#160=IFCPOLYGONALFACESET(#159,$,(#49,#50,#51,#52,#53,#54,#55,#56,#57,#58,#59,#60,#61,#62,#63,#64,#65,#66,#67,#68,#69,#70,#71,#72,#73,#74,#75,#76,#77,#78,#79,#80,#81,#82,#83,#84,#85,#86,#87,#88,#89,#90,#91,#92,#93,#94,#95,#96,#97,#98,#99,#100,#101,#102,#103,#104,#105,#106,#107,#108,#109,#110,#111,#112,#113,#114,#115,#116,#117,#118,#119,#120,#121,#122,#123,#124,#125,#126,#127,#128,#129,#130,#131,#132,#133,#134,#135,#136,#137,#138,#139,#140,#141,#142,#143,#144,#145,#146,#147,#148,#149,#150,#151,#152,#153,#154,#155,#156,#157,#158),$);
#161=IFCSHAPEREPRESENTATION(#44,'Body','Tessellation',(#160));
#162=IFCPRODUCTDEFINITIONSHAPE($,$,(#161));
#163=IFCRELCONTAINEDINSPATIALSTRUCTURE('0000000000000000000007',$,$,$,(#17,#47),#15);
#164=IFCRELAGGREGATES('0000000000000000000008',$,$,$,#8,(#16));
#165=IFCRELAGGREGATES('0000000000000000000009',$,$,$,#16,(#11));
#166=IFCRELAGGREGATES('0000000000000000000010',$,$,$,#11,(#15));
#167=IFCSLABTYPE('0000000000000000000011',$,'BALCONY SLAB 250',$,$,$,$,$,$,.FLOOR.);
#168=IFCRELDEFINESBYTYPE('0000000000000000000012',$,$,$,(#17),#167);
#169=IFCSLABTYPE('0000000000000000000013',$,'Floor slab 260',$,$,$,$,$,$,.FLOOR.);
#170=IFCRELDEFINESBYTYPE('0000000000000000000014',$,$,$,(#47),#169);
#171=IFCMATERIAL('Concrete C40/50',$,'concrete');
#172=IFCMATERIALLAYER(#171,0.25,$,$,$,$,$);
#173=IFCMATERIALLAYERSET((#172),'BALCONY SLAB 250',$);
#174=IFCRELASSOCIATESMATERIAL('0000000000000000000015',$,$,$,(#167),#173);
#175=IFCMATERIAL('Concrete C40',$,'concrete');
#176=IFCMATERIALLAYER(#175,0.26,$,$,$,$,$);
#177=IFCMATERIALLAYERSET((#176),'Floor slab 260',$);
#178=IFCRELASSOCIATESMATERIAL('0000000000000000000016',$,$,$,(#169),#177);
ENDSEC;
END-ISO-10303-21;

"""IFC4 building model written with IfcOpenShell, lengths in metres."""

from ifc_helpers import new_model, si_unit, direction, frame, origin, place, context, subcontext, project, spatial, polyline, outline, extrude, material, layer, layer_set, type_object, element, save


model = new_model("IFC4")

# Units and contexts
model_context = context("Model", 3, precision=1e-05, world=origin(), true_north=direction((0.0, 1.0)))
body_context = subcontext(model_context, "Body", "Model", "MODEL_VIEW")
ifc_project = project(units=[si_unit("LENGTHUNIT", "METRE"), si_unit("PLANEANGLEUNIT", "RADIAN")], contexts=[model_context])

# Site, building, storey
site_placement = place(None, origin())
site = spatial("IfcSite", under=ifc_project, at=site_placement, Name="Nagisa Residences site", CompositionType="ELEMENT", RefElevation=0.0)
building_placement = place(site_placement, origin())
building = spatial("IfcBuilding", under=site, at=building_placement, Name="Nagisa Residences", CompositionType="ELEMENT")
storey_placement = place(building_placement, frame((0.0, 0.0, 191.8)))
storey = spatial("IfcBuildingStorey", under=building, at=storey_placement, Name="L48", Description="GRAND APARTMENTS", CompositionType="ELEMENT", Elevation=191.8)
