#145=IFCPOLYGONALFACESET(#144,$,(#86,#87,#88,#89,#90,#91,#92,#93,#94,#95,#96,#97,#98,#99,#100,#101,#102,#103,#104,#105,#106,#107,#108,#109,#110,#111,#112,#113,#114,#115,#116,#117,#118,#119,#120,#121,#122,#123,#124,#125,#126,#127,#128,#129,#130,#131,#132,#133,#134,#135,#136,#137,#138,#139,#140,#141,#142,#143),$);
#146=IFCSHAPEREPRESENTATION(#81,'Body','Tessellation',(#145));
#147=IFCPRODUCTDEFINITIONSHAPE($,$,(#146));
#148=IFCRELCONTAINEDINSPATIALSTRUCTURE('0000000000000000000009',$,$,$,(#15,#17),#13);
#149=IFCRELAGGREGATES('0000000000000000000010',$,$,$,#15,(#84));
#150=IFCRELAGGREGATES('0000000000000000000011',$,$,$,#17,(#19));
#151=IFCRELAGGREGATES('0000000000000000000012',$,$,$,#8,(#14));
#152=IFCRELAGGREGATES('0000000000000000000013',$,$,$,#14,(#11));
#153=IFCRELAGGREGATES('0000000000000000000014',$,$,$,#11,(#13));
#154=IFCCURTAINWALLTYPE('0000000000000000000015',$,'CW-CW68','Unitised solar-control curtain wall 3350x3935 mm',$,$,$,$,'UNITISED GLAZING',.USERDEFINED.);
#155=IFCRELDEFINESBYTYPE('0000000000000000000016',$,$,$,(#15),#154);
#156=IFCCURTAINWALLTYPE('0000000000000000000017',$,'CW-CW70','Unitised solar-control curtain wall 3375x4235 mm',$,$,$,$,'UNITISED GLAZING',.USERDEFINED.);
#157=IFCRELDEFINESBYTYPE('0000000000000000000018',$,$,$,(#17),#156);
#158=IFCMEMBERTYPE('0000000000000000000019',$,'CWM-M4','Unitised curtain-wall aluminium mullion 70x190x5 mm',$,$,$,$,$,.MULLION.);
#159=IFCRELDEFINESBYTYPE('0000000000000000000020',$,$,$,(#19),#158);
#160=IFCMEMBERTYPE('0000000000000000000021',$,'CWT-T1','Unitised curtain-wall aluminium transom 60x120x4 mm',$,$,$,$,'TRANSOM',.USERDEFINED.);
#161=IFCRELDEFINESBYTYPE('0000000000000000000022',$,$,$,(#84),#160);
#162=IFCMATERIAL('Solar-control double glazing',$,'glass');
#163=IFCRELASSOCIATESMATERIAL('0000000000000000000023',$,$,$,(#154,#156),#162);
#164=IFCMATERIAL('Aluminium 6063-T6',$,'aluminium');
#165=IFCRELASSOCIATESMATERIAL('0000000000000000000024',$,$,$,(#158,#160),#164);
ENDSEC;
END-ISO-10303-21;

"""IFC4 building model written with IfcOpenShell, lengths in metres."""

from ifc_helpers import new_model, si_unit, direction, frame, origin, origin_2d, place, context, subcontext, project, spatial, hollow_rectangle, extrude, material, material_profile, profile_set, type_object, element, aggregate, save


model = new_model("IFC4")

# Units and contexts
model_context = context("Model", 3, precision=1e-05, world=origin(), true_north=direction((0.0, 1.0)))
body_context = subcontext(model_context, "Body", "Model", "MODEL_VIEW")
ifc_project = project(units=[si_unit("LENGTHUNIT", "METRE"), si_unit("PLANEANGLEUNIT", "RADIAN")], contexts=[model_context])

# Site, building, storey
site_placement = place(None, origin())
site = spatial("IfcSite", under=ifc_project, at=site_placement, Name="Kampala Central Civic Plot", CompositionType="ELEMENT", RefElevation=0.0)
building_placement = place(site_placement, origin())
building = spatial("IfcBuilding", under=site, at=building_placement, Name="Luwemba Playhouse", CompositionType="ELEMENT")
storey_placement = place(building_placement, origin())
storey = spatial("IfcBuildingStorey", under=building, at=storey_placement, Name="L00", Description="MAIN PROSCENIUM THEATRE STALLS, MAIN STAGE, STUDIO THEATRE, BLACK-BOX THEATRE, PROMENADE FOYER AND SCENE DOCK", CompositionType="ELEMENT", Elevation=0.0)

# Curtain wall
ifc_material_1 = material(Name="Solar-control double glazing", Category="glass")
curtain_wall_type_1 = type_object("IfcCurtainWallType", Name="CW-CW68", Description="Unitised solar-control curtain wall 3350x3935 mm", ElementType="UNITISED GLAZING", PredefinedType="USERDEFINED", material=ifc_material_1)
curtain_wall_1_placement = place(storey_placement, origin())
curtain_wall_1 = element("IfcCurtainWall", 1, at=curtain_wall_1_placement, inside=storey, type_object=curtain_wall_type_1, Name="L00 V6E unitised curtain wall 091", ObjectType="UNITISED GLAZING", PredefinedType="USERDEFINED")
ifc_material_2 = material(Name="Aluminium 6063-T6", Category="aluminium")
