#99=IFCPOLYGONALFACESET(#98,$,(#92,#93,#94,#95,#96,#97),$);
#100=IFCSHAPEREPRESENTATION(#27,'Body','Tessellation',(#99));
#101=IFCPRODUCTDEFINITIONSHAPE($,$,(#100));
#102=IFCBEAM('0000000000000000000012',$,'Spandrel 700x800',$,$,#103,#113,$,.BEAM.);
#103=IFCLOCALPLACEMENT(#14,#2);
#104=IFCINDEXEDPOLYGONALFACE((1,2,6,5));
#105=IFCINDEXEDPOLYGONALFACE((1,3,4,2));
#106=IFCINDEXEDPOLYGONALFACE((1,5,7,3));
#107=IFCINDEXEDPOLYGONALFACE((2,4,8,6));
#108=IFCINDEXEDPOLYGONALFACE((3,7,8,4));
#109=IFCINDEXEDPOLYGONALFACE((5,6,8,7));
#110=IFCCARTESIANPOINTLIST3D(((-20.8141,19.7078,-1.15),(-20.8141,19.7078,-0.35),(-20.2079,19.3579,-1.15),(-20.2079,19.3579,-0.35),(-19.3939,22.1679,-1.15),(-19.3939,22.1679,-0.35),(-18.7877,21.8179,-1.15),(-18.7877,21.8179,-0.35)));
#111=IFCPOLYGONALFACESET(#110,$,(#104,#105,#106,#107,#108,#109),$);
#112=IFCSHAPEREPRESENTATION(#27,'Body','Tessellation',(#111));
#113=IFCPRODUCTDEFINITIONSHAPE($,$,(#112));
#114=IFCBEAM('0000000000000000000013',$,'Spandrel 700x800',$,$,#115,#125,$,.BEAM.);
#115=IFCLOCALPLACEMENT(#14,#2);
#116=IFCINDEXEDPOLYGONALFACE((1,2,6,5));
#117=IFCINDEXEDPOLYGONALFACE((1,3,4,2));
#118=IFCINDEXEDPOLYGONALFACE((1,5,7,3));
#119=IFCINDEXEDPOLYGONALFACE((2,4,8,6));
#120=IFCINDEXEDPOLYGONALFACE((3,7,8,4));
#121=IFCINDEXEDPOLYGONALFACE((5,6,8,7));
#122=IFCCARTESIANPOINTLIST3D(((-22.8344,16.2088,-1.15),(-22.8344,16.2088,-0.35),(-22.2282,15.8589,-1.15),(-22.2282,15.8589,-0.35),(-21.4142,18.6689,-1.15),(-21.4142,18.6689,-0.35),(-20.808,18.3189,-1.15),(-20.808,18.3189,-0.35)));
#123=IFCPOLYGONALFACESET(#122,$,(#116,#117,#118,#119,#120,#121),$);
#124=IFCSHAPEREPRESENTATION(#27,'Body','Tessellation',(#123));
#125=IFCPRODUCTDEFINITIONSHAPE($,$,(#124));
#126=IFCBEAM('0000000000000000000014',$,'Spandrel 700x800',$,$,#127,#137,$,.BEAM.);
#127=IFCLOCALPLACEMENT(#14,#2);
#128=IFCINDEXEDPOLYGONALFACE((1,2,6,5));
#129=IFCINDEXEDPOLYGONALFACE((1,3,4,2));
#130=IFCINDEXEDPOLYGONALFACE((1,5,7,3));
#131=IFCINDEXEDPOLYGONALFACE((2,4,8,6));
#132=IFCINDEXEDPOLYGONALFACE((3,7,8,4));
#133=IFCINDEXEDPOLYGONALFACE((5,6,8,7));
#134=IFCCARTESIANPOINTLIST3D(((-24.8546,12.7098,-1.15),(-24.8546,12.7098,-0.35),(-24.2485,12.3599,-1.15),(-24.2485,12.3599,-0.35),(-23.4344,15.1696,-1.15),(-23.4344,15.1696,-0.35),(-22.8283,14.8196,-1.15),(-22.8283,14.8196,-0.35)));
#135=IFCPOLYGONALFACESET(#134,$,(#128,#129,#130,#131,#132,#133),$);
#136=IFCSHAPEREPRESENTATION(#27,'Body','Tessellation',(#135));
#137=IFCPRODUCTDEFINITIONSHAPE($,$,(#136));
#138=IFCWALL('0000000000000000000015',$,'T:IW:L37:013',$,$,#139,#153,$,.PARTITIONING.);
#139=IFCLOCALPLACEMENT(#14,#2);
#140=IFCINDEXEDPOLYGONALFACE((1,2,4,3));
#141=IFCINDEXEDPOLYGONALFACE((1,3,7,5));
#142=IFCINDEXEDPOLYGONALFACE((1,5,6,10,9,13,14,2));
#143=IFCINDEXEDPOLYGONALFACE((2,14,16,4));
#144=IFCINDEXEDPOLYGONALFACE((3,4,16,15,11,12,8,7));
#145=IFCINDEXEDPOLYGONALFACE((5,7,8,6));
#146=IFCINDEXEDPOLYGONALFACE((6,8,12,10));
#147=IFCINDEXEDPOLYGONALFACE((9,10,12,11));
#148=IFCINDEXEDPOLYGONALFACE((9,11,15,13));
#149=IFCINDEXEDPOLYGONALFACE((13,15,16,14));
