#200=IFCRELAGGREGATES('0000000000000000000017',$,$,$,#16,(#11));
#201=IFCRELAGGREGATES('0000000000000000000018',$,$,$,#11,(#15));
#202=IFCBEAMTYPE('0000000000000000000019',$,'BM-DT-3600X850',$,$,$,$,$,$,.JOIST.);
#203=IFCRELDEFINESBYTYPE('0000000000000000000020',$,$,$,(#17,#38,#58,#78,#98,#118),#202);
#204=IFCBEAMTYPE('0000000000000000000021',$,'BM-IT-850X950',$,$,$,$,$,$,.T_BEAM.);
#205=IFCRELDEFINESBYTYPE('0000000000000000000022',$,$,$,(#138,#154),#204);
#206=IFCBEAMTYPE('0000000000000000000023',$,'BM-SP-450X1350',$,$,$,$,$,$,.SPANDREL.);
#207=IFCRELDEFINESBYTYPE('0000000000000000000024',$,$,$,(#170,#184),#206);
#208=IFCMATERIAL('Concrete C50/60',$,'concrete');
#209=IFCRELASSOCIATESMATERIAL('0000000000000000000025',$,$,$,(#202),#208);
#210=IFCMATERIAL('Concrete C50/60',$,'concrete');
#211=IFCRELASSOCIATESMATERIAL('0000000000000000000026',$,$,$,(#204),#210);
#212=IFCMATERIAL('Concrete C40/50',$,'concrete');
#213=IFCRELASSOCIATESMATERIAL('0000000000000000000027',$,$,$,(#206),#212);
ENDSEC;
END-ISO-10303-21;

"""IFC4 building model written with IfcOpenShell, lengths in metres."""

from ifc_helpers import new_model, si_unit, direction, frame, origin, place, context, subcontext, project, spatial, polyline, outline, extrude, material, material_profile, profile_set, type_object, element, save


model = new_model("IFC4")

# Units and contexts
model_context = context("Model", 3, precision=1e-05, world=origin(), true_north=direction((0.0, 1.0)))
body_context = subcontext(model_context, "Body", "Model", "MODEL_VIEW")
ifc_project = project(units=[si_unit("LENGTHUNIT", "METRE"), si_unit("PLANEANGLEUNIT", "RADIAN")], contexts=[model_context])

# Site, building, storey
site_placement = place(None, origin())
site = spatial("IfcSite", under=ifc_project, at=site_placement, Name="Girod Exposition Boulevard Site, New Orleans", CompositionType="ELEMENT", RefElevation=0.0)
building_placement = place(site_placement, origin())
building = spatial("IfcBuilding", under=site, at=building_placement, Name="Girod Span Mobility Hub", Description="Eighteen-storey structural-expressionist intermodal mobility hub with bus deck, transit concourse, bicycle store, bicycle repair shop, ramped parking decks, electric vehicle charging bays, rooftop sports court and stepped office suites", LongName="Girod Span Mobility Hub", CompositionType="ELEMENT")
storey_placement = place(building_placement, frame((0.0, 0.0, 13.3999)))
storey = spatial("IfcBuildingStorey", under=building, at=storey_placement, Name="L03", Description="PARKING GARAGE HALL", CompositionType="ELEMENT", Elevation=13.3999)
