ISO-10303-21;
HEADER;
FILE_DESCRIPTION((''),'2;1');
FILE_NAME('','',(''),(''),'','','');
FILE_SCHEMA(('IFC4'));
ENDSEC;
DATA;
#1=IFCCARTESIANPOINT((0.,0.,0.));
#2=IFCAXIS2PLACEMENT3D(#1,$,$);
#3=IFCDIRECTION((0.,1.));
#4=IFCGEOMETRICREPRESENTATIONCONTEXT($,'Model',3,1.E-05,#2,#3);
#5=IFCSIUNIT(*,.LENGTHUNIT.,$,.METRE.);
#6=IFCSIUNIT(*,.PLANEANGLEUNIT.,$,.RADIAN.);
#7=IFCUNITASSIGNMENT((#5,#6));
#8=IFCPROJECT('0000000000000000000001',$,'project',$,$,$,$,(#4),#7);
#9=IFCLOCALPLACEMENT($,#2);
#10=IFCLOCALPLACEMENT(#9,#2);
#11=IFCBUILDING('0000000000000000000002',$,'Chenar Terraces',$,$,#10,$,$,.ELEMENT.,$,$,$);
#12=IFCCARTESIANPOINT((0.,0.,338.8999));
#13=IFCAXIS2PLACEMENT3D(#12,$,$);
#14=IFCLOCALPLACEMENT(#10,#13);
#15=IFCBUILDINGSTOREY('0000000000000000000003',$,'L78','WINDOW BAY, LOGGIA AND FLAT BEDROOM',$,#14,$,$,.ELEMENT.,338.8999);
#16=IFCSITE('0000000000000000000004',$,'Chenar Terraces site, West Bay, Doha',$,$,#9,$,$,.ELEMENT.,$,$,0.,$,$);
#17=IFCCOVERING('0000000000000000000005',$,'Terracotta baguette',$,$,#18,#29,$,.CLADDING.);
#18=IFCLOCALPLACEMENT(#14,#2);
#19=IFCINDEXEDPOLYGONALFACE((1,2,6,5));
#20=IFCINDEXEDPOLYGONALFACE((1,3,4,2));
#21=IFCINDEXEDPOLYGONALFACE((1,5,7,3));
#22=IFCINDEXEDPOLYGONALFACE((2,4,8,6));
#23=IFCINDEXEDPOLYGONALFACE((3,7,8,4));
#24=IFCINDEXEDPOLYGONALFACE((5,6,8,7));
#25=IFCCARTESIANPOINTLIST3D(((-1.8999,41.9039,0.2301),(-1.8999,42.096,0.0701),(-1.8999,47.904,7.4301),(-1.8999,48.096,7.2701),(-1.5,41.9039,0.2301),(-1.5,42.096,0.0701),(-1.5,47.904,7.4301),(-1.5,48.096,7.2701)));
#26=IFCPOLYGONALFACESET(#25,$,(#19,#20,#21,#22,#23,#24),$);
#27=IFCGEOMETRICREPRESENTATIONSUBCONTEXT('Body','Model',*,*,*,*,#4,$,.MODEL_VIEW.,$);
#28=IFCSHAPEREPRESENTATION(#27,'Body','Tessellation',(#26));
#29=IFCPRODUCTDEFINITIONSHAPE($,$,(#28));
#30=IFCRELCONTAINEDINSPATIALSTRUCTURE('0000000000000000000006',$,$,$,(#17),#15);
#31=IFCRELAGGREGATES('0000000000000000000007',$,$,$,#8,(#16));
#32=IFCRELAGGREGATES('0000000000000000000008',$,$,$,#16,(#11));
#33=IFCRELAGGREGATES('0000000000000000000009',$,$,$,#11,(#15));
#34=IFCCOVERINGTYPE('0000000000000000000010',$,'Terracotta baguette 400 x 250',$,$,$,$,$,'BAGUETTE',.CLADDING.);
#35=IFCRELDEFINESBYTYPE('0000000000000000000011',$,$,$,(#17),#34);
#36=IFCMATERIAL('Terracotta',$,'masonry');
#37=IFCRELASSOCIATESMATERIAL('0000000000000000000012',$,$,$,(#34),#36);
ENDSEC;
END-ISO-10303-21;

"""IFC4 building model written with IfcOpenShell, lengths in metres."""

from ifc_helpers import new_model, si_unit, direction, frame, origin, origin_2d, place, context, subcontext, project, spatial, rectangle, extrude, material, material_profile, profile_set, type_object, element, save


model = new_model("IFC4")

# Units and contexts
model_context = context("Model", 3, precision=1e-05, world=origin(), true_north=direction((0.0, 1.0)))
body_context = subcontext(model_context, "Body", "Model", "MODEL_VIEW")
ifc_project = project(units=[si_unit("LENGTHUNIT", "METRE"), si_unit("PLANEANGLEUNIT", "RADIAN")], contexts=[model_context])

# Site, building, storey
site_placement = place(None, origin())
site = spatial("IfcSite", under=ifc_project, at=site_placement, Name="Chenar Terraces site, West Bay, Doha", CompositionType="ELEMENT", RefElevation=0.0)
building_placement = place(site_placement, origin())
building = spatial("IfcBuilding", under=site, at=building_placement, Name="Chenar Terraces", CompositionType="ELEMENT")
storey_placement = place(building_placement, frame((0.0, 0.0, 338.8999)))
storey = spatial("IfcBuildingStorey", under=building, at=storey_placement, Name="L78", Description="WINDOW BAY, LOGGIA AND FLAT BEDROOM", CompositionType="ELEMENT", Elevation=338.8999)

# Covering
ifc_material_1 = material(Name="Terracotta", Category="masonry")
ifc_material_profile_1 = material_profile(ifc_material_1, rectangle(XDim=0.3999, YDim=0.25, at=origin_2d()), Name="Terracotta baguette 400 x 250")
ifc_profile_set_1 = profile_set([ifc_material_profile_1], Name="Terracotta")
covering_type = type_object("IfcCoveringType", Name="Terracotta baguette 400 x 250", ElementType="BAGUETTE", PredefinedType="CLADDING", material=ifc_profile_set_1)
covering_1_placement = place(storey_placement, frame((-1.7, 48.0, 7.3501), z_axis=(0.0, -0.640187, -0.768219), x_axis=(1.0, 0.0, 0.0)))
element("IfcCovering", 1, at=covering_1_placement, inside=storey, type_object=covering_type, Name="Terracotta baguette", PredefinedType="CLADDING", context=body_context, shape_type="SweptSolid", body=[
    extrude(rectangle(XDim=0.3999, YDim=0.25, at=origin_2d()), origin(), (0.0, 0.0, 1.0), 9.3723),
])

save(model, "model.ifc")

══════════════════════════════

WORK INSTRUCTION >> In the records, which lines use the word "Residences"? Report them.

RESPONSE TO THIS EXERCISE >>
site = spatial("IfcSite", under=ifc_project, at=site_placement, Name="Nagisa Residences site", CompositionType="ELEMENT", RefElevation=0.0)
building = spatial("IfcBuilding", under=site, at=building_placement, Name="Nagisa Residences", CompositionType="ELEMENT")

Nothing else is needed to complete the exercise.